■ TO DO: Could you reproduce the lines below from the one with "#14=IFCLOCALPLACEMENT(#10,#13);" through the one with "#21=IFCINDEXEDPOLYGONALFACE((1,5,6,2));"? Keep both ends and add nothing.

■ INFORMATION GIVEN:
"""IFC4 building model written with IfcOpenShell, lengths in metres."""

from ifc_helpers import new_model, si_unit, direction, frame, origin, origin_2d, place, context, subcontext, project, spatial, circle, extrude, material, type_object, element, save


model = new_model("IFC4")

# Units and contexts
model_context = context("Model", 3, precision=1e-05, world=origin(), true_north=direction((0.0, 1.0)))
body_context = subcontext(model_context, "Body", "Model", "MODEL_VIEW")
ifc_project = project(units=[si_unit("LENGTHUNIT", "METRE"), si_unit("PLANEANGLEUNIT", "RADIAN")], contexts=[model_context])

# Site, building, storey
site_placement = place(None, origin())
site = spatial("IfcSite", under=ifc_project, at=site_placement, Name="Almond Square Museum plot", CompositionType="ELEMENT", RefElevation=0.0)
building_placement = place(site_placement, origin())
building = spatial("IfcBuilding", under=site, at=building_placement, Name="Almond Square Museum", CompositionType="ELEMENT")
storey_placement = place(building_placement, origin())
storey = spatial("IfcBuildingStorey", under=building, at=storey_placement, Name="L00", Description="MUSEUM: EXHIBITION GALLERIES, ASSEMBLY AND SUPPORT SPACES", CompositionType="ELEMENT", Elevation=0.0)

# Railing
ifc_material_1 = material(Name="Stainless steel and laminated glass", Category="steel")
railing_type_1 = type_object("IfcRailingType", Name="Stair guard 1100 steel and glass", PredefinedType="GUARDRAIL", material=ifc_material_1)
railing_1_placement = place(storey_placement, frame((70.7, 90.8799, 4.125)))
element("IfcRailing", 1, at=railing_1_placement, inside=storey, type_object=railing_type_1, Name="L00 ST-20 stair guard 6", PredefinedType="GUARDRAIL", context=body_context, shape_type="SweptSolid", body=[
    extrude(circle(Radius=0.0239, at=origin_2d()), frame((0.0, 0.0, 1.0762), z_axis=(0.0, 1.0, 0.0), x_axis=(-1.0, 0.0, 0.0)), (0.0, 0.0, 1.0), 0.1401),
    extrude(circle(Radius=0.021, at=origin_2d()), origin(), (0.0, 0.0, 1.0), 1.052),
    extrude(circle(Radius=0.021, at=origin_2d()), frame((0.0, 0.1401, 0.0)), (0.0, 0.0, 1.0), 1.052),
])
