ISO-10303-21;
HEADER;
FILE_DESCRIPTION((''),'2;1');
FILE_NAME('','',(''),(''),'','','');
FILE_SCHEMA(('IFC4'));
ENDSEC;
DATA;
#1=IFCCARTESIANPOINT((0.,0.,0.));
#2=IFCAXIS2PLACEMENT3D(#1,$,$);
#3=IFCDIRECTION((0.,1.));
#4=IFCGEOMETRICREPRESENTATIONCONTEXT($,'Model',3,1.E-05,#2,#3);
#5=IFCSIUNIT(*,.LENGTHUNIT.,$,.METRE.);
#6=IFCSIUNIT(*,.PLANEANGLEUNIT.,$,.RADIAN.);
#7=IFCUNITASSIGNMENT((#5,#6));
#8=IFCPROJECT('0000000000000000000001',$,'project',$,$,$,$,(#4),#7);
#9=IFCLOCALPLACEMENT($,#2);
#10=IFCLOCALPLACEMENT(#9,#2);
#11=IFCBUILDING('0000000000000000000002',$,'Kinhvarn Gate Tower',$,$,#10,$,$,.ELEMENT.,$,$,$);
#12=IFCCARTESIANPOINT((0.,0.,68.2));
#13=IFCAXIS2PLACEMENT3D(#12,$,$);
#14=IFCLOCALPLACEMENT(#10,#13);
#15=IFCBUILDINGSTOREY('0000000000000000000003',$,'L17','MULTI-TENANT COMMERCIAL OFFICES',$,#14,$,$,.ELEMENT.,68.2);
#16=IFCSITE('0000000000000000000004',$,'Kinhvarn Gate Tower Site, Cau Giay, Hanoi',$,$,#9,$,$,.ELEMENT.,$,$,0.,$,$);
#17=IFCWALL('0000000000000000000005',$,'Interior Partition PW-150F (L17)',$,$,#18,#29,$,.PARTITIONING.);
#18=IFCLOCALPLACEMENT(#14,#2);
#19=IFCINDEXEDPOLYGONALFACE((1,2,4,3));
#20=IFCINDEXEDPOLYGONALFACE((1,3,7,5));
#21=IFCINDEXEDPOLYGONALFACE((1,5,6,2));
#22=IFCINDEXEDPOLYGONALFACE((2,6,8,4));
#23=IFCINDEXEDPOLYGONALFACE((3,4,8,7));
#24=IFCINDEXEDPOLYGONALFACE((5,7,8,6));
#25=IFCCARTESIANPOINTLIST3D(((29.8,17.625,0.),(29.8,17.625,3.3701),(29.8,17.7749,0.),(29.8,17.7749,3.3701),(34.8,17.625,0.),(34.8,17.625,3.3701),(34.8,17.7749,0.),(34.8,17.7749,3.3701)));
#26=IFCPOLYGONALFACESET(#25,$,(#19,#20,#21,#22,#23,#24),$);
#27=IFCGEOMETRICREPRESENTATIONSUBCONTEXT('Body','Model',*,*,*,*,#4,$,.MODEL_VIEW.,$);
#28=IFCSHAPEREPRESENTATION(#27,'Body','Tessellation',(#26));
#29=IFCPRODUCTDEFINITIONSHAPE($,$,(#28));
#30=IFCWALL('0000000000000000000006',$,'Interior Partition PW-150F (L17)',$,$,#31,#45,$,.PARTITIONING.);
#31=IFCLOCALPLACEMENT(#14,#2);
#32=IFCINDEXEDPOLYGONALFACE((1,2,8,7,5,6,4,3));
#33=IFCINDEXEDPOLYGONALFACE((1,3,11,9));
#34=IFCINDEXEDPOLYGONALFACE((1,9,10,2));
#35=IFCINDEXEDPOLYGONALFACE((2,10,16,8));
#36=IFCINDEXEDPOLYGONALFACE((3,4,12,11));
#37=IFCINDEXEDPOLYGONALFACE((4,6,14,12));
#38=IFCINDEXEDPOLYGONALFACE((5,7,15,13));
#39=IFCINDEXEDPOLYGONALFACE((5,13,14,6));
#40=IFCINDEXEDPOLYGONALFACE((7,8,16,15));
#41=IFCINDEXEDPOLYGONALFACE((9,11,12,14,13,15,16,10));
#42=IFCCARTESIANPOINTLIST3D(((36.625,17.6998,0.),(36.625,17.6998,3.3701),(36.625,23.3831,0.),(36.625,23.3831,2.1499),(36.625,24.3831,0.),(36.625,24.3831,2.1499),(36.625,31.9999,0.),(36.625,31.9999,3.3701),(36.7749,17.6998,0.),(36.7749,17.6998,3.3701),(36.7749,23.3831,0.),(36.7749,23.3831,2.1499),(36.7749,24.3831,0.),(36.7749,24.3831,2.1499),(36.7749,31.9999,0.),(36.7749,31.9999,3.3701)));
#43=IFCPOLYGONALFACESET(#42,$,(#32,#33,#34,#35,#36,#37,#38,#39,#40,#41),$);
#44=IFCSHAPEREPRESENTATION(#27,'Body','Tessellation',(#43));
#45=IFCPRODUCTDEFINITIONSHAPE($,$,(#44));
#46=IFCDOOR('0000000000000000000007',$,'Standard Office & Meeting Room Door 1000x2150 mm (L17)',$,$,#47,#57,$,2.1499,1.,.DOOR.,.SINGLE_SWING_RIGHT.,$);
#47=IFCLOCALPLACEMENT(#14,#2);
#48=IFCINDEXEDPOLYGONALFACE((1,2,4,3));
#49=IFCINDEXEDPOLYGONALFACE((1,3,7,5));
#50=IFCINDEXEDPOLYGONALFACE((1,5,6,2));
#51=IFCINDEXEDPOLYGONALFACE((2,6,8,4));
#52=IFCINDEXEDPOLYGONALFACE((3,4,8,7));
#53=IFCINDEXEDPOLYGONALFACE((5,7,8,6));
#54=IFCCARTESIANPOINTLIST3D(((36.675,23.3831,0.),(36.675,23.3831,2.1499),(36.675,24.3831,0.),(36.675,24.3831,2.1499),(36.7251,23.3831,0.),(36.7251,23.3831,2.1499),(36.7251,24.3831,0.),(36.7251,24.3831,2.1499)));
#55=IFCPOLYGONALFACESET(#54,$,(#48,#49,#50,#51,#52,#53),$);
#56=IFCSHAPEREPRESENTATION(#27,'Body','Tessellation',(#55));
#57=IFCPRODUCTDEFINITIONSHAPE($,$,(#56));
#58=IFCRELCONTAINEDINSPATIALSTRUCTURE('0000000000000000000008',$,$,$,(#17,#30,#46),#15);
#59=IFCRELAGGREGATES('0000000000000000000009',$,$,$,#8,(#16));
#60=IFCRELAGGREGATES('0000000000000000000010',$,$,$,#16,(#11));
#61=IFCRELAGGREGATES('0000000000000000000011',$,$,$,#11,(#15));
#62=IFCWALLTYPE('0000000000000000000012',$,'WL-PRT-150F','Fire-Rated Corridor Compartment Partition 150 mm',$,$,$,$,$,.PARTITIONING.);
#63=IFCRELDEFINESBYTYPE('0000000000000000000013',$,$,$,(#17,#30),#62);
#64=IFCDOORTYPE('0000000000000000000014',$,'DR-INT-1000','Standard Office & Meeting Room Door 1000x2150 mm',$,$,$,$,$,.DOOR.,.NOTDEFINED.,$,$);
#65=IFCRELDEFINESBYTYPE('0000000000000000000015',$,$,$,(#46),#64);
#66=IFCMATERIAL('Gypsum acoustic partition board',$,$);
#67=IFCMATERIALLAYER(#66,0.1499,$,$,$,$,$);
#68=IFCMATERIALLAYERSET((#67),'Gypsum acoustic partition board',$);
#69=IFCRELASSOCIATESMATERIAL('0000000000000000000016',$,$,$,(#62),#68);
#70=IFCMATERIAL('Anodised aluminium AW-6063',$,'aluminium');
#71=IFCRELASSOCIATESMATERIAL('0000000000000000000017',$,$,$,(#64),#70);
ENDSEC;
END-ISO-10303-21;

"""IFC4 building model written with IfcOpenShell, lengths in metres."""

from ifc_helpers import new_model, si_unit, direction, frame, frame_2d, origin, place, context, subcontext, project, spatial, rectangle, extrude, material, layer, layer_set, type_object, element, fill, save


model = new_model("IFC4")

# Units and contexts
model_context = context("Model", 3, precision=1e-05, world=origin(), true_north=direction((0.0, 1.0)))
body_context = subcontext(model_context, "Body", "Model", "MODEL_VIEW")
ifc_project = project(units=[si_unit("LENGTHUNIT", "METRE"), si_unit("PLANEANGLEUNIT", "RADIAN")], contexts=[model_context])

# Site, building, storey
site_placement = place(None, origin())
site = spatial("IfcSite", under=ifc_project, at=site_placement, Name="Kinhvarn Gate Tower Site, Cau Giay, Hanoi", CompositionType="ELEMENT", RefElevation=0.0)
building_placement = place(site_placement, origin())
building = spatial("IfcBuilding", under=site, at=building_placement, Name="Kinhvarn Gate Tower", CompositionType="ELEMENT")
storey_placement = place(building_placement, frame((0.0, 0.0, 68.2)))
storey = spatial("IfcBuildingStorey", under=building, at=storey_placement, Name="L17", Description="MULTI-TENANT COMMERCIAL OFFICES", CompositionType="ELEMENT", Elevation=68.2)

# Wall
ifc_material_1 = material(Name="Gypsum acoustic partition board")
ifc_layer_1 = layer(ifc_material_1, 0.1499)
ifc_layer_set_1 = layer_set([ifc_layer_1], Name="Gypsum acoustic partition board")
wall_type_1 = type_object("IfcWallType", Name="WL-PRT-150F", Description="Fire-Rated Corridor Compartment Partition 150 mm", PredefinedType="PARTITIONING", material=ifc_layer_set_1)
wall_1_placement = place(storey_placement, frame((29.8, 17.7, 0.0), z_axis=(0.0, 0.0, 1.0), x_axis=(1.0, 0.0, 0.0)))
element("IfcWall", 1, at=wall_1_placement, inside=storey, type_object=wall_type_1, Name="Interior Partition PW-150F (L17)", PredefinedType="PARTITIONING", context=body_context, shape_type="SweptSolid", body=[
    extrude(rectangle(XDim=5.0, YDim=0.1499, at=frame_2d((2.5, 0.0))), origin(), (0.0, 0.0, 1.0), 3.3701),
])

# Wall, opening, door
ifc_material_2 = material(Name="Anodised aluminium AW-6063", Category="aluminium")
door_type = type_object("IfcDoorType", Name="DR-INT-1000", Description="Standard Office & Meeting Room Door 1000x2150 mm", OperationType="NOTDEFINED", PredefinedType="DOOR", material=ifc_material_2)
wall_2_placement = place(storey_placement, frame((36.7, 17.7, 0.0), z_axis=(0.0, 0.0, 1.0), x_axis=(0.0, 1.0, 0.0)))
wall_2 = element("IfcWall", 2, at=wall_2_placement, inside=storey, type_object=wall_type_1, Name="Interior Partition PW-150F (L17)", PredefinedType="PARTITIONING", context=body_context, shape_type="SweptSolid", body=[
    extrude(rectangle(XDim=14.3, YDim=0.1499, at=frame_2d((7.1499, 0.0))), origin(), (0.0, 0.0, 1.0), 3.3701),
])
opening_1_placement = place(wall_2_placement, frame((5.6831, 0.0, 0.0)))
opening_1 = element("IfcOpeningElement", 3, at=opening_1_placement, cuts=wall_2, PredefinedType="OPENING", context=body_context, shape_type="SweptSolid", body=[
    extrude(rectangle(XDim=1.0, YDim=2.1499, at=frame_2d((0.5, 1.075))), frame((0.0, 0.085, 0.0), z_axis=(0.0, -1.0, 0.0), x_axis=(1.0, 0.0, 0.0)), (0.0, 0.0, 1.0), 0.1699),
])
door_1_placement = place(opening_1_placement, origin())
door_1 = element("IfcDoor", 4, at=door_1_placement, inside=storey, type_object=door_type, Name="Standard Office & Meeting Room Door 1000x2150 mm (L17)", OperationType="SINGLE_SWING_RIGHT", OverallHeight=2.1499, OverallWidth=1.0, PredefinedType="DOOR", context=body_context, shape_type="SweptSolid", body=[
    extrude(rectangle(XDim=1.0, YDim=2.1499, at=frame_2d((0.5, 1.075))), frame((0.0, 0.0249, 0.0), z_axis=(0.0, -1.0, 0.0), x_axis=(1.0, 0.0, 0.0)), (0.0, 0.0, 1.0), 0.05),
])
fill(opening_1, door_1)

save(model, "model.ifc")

==

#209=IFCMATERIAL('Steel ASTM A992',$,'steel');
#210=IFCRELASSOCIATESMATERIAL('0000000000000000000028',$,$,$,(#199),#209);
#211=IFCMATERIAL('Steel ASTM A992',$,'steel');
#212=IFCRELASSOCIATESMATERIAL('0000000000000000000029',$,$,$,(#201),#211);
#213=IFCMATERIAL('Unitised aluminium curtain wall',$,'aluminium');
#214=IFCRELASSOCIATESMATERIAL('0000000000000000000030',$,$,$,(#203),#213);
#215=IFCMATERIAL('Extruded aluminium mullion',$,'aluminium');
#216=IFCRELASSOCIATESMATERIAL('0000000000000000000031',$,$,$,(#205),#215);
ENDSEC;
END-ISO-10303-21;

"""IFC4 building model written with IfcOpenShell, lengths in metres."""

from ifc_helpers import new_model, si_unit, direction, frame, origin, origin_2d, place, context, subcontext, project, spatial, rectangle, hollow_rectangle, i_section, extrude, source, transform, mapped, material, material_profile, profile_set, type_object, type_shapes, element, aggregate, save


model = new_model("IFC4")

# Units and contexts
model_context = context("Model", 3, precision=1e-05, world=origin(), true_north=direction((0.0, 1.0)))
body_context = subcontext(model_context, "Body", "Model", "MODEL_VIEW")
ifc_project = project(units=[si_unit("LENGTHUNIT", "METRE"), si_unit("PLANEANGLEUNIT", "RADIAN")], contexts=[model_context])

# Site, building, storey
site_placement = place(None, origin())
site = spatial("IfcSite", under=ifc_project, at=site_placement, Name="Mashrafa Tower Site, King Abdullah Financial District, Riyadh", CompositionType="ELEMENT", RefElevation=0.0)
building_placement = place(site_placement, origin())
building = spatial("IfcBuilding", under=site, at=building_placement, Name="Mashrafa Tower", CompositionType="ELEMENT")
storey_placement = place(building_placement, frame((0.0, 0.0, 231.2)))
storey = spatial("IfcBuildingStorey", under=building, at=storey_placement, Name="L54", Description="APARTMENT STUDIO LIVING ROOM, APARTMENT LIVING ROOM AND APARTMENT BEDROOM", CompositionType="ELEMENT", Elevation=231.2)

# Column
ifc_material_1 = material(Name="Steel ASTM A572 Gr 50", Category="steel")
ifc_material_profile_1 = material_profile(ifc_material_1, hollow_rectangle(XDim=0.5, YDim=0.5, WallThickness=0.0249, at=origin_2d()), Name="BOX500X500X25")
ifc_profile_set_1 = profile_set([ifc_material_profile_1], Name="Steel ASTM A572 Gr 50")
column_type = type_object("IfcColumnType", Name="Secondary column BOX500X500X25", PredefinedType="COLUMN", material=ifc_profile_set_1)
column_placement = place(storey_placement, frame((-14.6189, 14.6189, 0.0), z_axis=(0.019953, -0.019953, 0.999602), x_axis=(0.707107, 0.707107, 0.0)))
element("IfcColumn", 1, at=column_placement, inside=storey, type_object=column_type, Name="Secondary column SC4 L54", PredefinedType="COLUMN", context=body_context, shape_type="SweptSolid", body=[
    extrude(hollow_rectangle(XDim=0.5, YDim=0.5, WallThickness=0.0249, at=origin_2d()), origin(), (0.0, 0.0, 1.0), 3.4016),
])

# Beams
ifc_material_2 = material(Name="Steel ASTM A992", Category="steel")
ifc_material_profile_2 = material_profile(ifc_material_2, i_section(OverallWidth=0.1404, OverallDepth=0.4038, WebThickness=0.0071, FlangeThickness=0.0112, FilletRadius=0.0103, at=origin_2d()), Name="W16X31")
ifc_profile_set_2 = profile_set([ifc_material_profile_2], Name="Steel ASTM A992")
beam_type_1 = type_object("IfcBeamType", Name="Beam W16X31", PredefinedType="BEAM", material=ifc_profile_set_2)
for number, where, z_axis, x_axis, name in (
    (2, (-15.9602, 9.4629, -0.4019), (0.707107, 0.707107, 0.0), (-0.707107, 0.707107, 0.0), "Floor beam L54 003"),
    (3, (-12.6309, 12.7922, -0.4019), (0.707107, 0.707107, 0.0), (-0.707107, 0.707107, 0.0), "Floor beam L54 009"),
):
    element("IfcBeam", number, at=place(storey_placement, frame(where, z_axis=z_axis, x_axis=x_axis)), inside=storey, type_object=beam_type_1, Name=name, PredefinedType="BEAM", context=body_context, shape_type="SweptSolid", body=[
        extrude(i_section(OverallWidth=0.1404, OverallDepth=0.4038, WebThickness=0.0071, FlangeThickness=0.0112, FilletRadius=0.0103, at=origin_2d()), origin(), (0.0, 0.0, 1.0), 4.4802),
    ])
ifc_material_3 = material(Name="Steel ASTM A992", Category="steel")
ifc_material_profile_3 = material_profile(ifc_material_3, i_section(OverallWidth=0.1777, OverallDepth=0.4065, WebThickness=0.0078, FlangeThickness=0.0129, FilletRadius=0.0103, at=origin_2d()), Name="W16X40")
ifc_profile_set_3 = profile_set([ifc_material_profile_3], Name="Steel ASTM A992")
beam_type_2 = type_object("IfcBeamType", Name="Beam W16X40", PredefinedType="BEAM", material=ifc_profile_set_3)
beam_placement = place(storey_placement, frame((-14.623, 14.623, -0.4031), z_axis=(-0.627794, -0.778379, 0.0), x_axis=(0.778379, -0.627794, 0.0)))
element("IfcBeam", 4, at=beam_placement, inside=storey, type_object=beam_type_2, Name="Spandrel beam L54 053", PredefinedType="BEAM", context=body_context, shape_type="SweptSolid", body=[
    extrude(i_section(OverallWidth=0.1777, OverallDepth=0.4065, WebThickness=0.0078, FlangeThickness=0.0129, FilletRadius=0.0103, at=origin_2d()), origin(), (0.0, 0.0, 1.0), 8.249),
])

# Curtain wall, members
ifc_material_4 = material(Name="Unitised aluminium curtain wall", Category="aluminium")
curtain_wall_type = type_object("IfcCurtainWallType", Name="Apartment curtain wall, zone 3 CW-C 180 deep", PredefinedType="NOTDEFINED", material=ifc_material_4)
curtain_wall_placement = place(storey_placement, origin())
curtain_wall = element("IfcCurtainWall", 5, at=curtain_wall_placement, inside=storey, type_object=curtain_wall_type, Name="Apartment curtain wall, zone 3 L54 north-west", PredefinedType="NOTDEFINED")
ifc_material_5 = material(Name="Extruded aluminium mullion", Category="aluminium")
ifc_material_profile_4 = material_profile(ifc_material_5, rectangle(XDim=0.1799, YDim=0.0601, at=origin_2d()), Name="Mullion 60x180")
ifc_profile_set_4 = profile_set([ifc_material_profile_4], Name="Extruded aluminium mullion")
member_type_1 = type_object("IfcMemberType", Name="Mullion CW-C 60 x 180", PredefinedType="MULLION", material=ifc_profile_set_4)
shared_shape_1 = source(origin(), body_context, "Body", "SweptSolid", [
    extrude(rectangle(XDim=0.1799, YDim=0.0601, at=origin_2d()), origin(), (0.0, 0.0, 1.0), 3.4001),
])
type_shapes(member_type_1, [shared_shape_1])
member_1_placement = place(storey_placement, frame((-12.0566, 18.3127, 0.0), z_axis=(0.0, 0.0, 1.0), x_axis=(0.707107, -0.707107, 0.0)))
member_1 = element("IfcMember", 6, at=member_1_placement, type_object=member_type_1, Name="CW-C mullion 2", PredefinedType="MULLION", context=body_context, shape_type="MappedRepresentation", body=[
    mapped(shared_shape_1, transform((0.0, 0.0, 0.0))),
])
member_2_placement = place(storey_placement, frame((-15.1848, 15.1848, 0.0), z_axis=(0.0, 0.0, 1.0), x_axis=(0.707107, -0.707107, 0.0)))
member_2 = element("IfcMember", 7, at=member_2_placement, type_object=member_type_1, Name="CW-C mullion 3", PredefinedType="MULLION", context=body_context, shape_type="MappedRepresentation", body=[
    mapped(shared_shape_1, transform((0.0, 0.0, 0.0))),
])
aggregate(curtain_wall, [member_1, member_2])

■ RESULT OF THE EXERCISE:
#14=IFCLOCALPLACEMENT(#10,#13);
#15=IFCBUILDINGSTOREY('0000000000000000000003',$,'L17','MULTI-TENANT COMMERCIAL OFFICES',$,#14,$,$,.ELEMENT.,68.2);
#16=IFCSITE('0000000000000000000004',$,'Kinhvarn Gate Tower Site, Cau Giay, Hanoi',$,$,#9,$,$,.ELEMENT.,$,$,0.,$,$);
#17=IFCWALL('0000000000000000000005',$,'Interior Partition PW-150F (L17)',$,$,#18,#29,$,.PARTITIONING.);
#18=IFCLOCALPLACEMENT(#14,#2);
#19=IFCINDEXEDPOLYGONALFACE((1,2,4,3));
#20=IFCINDEXEDPOLYGONALFACE((1,3,7,5));
#21=IFCINDEXEDPOLYGONALFACE((1,5,6,2));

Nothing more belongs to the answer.